== What the task requires ==
Using the listing below, copy exactly the lines from the one containing "#20=IFCINDEXEDPOLYGONALFACE((1,3,4,2));" to the one containing "#24=IFCINDEXEDPOLYGONALFACE((5,6,8,7));", both lines included, and no others.

== Data for the task ==
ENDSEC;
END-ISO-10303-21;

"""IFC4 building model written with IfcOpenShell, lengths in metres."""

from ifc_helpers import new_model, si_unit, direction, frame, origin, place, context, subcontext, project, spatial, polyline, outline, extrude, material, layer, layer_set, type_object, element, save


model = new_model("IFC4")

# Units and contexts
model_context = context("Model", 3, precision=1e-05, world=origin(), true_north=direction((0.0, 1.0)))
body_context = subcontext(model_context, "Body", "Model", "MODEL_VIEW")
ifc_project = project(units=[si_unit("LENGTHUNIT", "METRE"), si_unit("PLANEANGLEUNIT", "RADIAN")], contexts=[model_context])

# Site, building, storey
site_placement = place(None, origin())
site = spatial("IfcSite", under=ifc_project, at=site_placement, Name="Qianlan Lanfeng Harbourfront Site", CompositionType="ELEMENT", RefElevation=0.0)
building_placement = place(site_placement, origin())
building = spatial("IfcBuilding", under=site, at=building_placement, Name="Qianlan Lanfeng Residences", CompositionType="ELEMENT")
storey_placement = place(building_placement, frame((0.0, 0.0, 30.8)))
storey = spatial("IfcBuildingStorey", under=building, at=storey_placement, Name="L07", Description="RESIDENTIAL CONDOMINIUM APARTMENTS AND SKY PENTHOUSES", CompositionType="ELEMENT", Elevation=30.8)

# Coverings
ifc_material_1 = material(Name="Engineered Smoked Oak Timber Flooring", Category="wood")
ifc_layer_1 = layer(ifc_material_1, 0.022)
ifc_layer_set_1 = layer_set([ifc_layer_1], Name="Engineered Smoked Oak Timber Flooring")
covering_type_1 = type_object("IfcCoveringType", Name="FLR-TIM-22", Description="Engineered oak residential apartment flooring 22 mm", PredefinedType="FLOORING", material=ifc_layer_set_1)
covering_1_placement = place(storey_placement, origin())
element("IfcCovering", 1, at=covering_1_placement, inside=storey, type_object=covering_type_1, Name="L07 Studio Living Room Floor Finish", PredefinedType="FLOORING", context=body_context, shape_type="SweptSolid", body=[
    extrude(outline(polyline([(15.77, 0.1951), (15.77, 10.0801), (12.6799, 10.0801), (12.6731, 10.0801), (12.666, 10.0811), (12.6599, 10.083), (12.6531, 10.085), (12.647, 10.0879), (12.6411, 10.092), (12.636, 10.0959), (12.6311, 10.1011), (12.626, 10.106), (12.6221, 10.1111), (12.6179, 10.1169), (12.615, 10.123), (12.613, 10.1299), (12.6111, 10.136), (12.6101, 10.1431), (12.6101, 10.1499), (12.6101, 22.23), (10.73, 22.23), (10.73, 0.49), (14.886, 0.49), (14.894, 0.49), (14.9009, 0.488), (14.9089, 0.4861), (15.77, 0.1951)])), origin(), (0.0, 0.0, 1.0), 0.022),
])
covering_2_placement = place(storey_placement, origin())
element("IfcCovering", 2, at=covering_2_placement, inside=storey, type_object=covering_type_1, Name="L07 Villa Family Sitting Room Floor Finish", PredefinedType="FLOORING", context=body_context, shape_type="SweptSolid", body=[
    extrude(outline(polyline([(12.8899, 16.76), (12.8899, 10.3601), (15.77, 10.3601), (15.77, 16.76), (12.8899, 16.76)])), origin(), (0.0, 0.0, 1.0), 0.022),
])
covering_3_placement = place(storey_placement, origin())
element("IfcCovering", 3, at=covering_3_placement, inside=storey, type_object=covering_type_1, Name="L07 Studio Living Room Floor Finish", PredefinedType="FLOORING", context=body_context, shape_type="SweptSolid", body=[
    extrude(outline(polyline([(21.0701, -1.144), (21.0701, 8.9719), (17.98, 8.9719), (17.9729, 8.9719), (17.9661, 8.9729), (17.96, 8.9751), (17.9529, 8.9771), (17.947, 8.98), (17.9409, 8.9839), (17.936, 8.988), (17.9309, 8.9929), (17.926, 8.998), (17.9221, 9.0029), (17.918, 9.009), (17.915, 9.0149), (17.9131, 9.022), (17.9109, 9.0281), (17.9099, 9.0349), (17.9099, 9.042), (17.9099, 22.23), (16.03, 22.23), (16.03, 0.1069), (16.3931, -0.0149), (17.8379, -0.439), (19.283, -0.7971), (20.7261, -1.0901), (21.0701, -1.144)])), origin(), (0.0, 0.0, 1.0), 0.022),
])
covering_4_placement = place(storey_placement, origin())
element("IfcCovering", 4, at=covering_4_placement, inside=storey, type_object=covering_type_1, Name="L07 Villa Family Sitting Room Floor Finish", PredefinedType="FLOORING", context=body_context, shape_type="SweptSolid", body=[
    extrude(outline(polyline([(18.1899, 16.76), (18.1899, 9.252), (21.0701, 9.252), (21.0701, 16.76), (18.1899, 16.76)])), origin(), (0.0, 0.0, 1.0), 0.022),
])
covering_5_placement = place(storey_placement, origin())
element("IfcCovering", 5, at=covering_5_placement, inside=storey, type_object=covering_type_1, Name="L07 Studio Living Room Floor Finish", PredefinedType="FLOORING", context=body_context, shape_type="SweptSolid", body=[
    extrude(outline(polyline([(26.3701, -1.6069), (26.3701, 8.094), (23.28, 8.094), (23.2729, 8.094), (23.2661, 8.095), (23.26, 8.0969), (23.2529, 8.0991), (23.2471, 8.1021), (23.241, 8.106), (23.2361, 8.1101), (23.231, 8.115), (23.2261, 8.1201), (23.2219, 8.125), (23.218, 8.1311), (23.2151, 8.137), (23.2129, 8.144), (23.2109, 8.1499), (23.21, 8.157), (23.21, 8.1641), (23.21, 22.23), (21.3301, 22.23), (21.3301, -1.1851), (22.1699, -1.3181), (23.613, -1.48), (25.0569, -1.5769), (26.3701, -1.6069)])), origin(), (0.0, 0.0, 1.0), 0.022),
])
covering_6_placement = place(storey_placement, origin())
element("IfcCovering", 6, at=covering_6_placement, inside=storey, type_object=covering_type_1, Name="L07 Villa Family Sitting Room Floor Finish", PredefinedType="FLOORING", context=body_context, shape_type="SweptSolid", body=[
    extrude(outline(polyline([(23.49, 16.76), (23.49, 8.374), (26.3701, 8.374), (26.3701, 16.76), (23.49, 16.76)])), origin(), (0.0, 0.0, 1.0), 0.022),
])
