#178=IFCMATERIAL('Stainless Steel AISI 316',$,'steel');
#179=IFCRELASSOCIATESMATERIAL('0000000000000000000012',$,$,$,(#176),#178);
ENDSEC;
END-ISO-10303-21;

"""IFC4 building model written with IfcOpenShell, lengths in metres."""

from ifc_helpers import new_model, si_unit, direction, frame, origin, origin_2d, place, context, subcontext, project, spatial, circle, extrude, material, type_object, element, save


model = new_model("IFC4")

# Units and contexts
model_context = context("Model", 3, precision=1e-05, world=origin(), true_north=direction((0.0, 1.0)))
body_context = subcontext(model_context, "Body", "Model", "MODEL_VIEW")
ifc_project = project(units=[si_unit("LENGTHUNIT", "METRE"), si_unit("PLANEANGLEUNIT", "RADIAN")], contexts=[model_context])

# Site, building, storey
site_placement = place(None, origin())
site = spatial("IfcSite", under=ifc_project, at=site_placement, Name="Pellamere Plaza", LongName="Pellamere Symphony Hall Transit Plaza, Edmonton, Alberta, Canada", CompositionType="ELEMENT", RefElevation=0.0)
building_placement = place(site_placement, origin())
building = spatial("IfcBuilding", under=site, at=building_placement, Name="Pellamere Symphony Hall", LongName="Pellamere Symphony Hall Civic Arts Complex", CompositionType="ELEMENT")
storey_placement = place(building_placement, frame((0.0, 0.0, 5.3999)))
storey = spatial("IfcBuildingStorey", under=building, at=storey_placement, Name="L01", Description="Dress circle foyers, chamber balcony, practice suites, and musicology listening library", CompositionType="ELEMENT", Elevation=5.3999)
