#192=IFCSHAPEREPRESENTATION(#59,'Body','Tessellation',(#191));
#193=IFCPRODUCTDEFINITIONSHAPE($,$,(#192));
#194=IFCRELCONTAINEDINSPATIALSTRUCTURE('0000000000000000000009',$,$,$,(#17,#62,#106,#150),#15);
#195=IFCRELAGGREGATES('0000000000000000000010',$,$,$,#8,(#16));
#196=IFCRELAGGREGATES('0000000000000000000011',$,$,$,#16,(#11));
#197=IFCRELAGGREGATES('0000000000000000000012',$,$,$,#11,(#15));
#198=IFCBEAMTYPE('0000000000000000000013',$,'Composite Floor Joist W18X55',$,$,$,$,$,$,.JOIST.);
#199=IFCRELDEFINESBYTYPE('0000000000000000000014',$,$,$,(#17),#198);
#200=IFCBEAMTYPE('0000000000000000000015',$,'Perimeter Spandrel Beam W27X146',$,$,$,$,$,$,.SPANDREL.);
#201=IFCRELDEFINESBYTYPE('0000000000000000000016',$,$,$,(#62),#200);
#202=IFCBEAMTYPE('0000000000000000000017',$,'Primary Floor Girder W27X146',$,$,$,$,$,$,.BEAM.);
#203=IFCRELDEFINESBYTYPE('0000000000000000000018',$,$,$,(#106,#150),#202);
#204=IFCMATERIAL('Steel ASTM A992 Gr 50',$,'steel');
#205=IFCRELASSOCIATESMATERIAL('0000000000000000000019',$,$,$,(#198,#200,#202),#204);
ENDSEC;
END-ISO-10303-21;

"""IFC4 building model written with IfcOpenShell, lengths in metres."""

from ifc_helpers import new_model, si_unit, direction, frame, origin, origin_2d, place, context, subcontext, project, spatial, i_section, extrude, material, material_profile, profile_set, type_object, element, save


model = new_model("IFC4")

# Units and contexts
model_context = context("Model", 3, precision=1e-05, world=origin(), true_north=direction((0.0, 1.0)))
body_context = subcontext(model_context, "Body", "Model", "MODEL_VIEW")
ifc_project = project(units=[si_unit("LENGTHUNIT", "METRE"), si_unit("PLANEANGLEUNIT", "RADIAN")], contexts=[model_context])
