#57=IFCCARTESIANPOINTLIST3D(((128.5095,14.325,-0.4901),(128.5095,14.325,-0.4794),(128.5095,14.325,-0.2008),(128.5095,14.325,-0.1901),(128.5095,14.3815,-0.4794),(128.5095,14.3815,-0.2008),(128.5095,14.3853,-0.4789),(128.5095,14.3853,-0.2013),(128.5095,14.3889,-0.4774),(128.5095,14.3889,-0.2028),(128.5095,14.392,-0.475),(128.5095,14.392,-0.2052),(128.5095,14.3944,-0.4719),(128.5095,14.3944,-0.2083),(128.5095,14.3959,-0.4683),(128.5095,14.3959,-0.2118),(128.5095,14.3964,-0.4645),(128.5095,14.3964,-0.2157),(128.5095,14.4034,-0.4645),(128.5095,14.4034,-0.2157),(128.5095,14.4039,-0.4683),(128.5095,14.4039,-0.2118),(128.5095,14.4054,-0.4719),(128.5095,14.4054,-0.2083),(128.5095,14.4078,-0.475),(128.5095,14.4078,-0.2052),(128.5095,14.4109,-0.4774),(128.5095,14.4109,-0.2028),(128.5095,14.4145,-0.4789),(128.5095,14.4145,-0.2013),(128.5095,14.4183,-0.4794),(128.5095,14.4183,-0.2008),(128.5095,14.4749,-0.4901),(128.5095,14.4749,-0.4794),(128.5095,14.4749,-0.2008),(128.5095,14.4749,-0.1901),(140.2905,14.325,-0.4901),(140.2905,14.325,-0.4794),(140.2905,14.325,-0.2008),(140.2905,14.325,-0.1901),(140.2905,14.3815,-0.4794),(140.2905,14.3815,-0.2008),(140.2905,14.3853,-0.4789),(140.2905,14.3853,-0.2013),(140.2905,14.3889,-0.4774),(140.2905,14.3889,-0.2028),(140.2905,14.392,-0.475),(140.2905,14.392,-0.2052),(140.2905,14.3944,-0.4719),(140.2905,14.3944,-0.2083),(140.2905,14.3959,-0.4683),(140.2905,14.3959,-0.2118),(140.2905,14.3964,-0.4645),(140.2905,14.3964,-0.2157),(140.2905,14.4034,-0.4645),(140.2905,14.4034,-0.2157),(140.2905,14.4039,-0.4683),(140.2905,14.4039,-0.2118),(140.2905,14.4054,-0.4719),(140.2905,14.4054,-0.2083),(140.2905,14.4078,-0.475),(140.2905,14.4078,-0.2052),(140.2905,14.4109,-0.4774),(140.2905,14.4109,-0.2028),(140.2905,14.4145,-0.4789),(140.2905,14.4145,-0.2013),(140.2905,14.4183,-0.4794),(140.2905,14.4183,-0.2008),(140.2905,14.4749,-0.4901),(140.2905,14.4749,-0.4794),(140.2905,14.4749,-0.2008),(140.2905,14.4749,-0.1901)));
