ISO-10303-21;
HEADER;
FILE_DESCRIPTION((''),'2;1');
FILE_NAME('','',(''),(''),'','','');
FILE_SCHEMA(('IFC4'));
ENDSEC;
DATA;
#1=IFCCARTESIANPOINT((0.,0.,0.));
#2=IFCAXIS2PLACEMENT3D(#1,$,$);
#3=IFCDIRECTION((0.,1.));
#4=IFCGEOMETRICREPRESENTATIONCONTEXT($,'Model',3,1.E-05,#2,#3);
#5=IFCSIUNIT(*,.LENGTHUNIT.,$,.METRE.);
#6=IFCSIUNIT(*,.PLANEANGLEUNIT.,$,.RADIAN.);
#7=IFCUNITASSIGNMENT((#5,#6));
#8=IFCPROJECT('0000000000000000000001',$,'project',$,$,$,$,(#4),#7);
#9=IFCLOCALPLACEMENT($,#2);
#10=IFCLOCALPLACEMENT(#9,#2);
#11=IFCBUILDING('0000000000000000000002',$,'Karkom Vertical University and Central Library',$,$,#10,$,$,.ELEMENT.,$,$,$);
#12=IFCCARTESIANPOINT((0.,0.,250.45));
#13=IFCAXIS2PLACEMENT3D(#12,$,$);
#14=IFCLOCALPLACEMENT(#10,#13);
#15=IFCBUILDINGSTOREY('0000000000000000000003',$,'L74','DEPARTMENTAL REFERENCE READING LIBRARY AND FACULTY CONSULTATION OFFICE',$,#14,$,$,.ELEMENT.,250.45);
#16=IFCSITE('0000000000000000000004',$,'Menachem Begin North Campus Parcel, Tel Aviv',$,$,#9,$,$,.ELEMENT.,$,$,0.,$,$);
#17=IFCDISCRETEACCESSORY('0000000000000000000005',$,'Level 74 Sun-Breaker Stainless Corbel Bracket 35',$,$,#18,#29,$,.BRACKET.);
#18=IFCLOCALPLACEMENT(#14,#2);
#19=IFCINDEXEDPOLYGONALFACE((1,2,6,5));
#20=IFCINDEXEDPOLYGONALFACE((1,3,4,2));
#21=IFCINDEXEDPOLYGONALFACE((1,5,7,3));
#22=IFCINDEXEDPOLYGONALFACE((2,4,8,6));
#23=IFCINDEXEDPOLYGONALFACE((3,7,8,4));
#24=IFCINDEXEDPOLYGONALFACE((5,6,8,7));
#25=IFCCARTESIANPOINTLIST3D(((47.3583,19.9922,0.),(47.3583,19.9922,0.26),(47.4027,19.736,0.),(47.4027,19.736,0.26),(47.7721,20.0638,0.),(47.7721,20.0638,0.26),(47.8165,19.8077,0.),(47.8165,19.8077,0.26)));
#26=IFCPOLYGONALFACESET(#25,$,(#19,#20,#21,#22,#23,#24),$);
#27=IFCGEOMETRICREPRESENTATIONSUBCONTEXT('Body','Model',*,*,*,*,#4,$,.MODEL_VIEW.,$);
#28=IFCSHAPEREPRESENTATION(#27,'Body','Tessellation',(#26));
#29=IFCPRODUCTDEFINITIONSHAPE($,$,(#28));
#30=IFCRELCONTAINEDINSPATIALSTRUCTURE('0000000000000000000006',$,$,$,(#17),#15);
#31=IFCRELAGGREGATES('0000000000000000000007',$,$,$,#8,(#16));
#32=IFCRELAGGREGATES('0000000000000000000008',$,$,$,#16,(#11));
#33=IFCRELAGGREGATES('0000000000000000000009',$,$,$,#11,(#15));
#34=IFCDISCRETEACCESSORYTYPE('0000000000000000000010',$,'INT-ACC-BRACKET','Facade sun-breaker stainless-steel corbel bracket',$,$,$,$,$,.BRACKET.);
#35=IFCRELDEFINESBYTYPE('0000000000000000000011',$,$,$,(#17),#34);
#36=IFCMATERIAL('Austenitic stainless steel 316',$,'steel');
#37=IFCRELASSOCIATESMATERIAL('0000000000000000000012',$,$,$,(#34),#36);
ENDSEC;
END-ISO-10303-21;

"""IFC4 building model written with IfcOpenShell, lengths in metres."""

from ifc_helpers import new_model, si_unit, direction, frame, origin, origin_with_axes, origin_2d, place, context, subcontext, project, spatial, rectangle, extrude, source, transform, mapped, material, type_object, element, save


model = new_model("IFC4")

# Units and contexts
model_context = context("Model", 3, precision=1e-05, world=origin(), true_north=direction((0.0, 1.0)))
body_context = subcontext(model_context, "Body", "Model", "MODEL_VIEW")
ifc_project = project(units=[si_unit("LENGTHUNIT", "METRE"), si_unit("PLANEANGLEUNIT", "RADIAN")], contexts=[model_context])

# Site, building, storey
site_placement = place(None, origin())
site = spatial("IfcSite", under=ifc_project, at=site_placement, Name="Menachem Begin North Campus Parcel, Tel Aviv", CompositionType="ELEMENT", RefElevation=0.0)
building_placement = place(site_placement, origin())
building = spatial("IfcBuilding", under=site, at=building_placement, Name="Karkom Vertical University and Central Library", CompositionType="ELEMENT")
storey_placement = place(building_placement, frame((0.0, 0.0, 250.45)))
storey = spatial("IfcBuildingStorey", under=building, at=storey_placement, Name="L74", Description="DEPARTMENTAL REFERENCE READING LIBRARY AND FACULTY CONSULTATION OFFICE", CompositionType="ELEMENT", Elevation=250.45)

# Discrete accessory
ifc_material_1 = material(Name="Austenitic stainless steel 316", Category="steel")
discrete_accessory_type = type_object("IfcDiscreteAccessoryType", Name="INT-ACC-BRACKET", Description="Facade sun-breaker stainless-steel corbel bracket", PredefinedType="BRACKET", material=ifc_material_1)
shared_shape_1 = source(origin_with_axes(), body_context, "Body", "SweptSolid", [
    extrude(rectangle(XDim=0.26, YDim=0.4199, at=origin_2d()), origin(), (0.0, 0.0, 1.0), 0.26),
])
discrete_accessory_placement = place(storey_placement, frame((47.5874, 19.8999, 0.0), z_axis=(0.0, 0.0, 1.0), x_axis=(-0.170725, 0.985319, 0.0)))
element("IfcDiscreteAccessory", 1, at=discrete_accessory_placement, inside=storey, type_object=discrete_accessory_type, Name="Level 74 Sun-Breaker Stainless Corbel Bracket 35", PredefinedType="BRACKET", context=body_context, shape_type="MappedRepresentation", body=[
    mapped(shared_shape_1, transform((0.0, 0.0, 0.0), scale=1.0)),
])

save(model, "model.ifc")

== Result of the exercise ==
#20=IFCINDEXEDPOLYGONALFACE((1,3,4,2));
#21=IFCINDEXEDPOLYGONALFACE((1,5,7,3));
#22=IFCINDEXEDPOLYGONALFACE((2,4,8,6));
#23=IFCINDEXEDPOLYGONALFACE((3,7,8,4));
#24=IFCINDEXEDPOLYGONALFACE((5,6,8,7));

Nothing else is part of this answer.